» Work item:
In the records below, find the line with "#137=IFCINDEXEDPOLYGONALFACE((5,7,8,6));" and the line with "#160=IFCINDEXEDPOLYGONALFACE((3,4,8,7));"; return exactly those lines and every line between them.
** Data for processing follows **
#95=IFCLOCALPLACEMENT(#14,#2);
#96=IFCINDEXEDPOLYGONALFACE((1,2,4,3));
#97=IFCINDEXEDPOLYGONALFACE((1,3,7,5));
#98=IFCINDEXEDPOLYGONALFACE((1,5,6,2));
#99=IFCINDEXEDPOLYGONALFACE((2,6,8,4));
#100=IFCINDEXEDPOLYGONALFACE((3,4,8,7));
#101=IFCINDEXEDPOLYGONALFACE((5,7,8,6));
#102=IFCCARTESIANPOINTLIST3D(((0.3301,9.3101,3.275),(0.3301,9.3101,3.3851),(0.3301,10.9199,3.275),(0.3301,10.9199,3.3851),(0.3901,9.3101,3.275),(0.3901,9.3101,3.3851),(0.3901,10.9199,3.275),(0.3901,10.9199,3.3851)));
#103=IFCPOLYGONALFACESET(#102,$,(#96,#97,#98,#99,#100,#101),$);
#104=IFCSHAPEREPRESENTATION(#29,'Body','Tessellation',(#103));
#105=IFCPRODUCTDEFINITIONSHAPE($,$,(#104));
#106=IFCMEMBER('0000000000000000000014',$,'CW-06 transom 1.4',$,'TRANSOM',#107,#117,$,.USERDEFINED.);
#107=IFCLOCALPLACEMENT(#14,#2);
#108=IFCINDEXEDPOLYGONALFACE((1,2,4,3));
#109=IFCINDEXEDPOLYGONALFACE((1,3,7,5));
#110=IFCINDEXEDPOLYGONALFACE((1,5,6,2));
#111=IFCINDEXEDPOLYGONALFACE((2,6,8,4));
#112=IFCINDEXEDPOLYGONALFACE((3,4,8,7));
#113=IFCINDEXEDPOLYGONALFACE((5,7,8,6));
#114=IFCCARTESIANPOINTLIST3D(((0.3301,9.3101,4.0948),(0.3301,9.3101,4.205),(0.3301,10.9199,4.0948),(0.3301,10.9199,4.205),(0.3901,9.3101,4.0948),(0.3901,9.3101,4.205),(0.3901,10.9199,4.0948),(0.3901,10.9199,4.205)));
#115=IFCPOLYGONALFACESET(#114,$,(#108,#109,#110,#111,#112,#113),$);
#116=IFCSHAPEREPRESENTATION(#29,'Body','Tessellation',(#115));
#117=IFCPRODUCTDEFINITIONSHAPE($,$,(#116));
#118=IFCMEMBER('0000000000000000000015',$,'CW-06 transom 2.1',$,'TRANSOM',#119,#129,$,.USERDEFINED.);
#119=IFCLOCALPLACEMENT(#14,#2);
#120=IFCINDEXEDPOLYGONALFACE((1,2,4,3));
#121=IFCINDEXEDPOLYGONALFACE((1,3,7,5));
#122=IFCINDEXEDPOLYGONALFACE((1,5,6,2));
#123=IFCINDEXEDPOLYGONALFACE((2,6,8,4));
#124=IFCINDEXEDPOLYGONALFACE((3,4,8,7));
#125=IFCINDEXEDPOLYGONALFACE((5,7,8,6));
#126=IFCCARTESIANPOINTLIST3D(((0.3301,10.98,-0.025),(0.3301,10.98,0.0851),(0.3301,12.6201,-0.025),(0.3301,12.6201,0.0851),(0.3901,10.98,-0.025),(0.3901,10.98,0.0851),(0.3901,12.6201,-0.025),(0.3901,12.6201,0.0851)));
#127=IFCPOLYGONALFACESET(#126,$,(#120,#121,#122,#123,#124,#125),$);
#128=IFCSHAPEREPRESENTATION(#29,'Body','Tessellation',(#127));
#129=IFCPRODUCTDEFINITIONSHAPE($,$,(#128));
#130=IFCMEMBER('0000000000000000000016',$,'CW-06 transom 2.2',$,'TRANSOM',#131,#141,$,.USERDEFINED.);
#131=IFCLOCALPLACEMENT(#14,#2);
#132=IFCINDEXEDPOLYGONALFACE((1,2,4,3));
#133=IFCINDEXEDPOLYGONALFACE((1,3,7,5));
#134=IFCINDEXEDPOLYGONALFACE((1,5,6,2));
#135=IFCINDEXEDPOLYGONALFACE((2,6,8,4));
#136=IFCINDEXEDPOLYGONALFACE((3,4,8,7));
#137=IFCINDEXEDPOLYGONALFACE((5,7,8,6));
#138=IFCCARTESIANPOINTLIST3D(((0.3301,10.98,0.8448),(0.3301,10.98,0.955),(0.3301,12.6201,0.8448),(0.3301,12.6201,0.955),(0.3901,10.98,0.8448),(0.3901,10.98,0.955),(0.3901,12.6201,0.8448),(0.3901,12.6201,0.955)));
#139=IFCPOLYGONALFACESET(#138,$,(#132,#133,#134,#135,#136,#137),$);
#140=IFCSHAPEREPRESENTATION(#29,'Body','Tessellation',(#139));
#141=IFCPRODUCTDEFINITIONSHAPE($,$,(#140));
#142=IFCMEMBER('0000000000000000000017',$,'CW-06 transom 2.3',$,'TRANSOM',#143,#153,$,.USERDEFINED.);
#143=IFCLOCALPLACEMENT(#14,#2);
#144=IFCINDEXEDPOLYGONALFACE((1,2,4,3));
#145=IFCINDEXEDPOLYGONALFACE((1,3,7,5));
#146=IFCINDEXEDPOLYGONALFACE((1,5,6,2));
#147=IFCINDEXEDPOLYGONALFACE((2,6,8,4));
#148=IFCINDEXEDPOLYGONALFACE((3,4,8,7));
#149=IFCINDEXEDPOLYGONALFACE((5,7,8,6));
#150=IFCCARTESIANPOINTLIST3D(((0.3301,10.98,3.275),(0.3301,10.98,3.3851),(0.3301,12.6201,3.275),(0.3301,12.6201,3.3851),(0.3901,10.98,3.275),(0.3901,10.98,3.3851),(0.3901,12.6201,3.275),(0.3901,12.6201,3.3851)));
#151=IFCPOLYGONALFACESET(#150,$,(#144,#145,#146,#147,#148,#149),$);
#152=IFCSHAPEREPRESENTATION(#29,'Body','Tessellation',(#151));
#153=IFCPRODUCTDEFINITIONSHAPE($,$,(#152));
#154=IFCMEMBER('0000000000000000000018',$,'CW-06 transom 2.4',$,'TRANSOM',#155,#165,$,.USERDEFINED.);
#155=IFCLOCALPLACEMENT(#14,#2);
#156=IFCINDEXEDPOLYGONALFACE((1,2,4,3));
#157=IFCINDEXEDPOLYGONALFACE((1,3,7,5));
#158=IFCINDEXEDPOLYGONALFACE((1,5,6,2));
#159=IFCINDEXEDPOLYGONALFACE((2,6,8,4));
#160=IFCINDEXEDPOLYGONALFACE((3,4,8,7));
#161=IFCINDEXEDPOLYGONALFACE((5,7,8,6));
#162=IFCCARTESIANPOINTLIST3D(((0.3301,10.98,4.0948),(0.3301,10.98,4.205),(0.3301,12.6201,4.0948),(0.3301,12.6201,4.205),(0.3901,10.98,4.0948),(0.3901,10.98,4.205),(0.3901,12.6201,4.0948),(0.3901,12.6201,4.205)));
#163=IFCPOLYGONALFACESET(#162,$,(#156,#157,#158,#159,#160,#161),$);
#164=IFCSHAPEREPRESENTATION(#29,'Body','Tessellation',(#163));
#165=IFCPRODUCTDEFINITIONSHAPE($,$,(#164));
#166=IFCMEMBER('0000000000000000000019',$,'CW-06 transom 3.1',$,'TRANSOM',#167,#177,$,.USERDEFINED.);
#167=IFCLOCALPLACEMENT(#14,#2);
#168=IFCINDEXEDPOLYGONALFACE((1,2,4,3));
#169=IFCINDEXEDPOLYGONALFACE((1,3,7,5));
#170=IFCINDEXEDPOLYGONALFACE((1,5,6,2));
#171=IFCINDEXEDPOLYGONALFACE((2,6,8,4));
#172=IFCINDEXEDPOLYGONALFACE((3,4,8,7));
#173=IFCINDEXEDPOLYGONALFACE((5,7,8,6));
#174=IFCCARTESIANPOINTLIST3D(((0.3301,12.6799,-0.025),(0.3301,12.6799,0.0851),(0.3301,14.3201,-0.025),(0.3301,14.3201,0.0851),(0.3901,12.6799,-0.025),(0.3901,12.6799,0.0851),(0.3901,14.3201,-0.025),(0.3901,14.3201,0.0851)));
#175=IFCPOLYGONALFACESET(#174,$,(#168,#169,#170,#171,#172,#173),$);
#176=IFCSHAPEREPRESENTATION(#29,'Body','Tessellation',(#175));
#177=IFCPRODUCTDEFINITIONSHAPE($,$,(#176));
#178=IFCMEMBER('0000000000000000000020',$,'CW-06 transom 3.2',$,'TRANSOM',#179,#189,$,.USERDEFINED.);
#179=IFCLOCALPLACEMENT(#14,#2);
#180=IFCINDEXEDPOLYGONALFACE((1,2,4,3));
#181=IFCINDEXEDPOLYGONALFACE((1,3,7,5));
** End of Data for processing **
» Reply:
#137=IFCINDEXEDPOLYGONALFACE((5,7,8,6));
#138=IFCCARTESIANPOINTLIST3D(((0.3301,10.98,0.8448),(0.3301,10.98,0.955),(0.3301,12.6201,0.8448),(0.3301,12.6201,0.955),(0.3901,10.98,0.8448),(0.3901,10.98,0.955),(0.3901,12.6201,0.8448),(0.3901,12.6201,0.955)));
#139=IFCPOLYGONALFACESET(#138,$,(#132,#133,#134,#135,#136,#137),$);
#140=IFCSHAPEREPRESENTATION(#29,'Body','Tessellation',(#139));
#141=IFCPRODUCTDEFINITIONSHAPE($,$,(#140));
#142=IFCMEMBER('0000000000000000000017',$,'CW-06 transom 2.3',$,'TRANSOM',#143,#153,$,.USERDEFINED.);
#143=IFCLOCALPLACEMENT(#14,#2);
#144=IFCINDEXEDPOLYGONALFACE((1,2,4,3));
#145=IFCINDEXEDPOLYGONALFACE((1,3,7,5));
#146=IFCINDEXEDPOLYGONALFACE((1,5,6,2));
#147=IFCINDEXEDPOLYGONALFACE((2,6,8,4));
#148=IFCINDEXEDPOLYGONALFACE((3,4,8,7));
#149=IFCINDEXEDPOLYGONALFACE((5,7,8,6));
#150=IFCCARTESIANPOINTLIST3D(((0.3301,10.98,3.275),(0.3301,10.98,3.3851),(0.3301,12.6201,3.275),(0.3301,12.6201,3.3851),(0.3901,10.98,3.275),(0.3901,10.98,3.3851),(0.3901,12.6201,3.275),(0.3901,12.6201,3.3851)));
#151=IFCPOLYGONALFACESET(#150,$,(#144,#145,#146,#147,#148,#149),$);
#152=IFCSHAPEREPRESENTATION(#29,'Body','Tessellation',(#151));
#153=IFCPRODUCTDEFINITIONSHAPE($,$,(#152));
#154=IFCMEMBER('0000000000000000000018',$,'CW-06 transom 2.4',$,'TRANSOM',#155,#165,$,.USERDEFINED.);
#155=IFCLOCALPLACEMENT(#14,#2);
#156=IFCINDEXEDPOLYGONALFACE((1,2,4,3));
#157=IFCINDEXEDPOLYGONALFACE((1,3,7,5));
#158=IFCINDEXEDPOLYGONALFACE((1,5,6,2));
#159=IFCINDEXEDPOLYGONALFACE((2,6,8,4));
#160=IFCINDEXEDPOLYGONALFACE((3,4,8,7));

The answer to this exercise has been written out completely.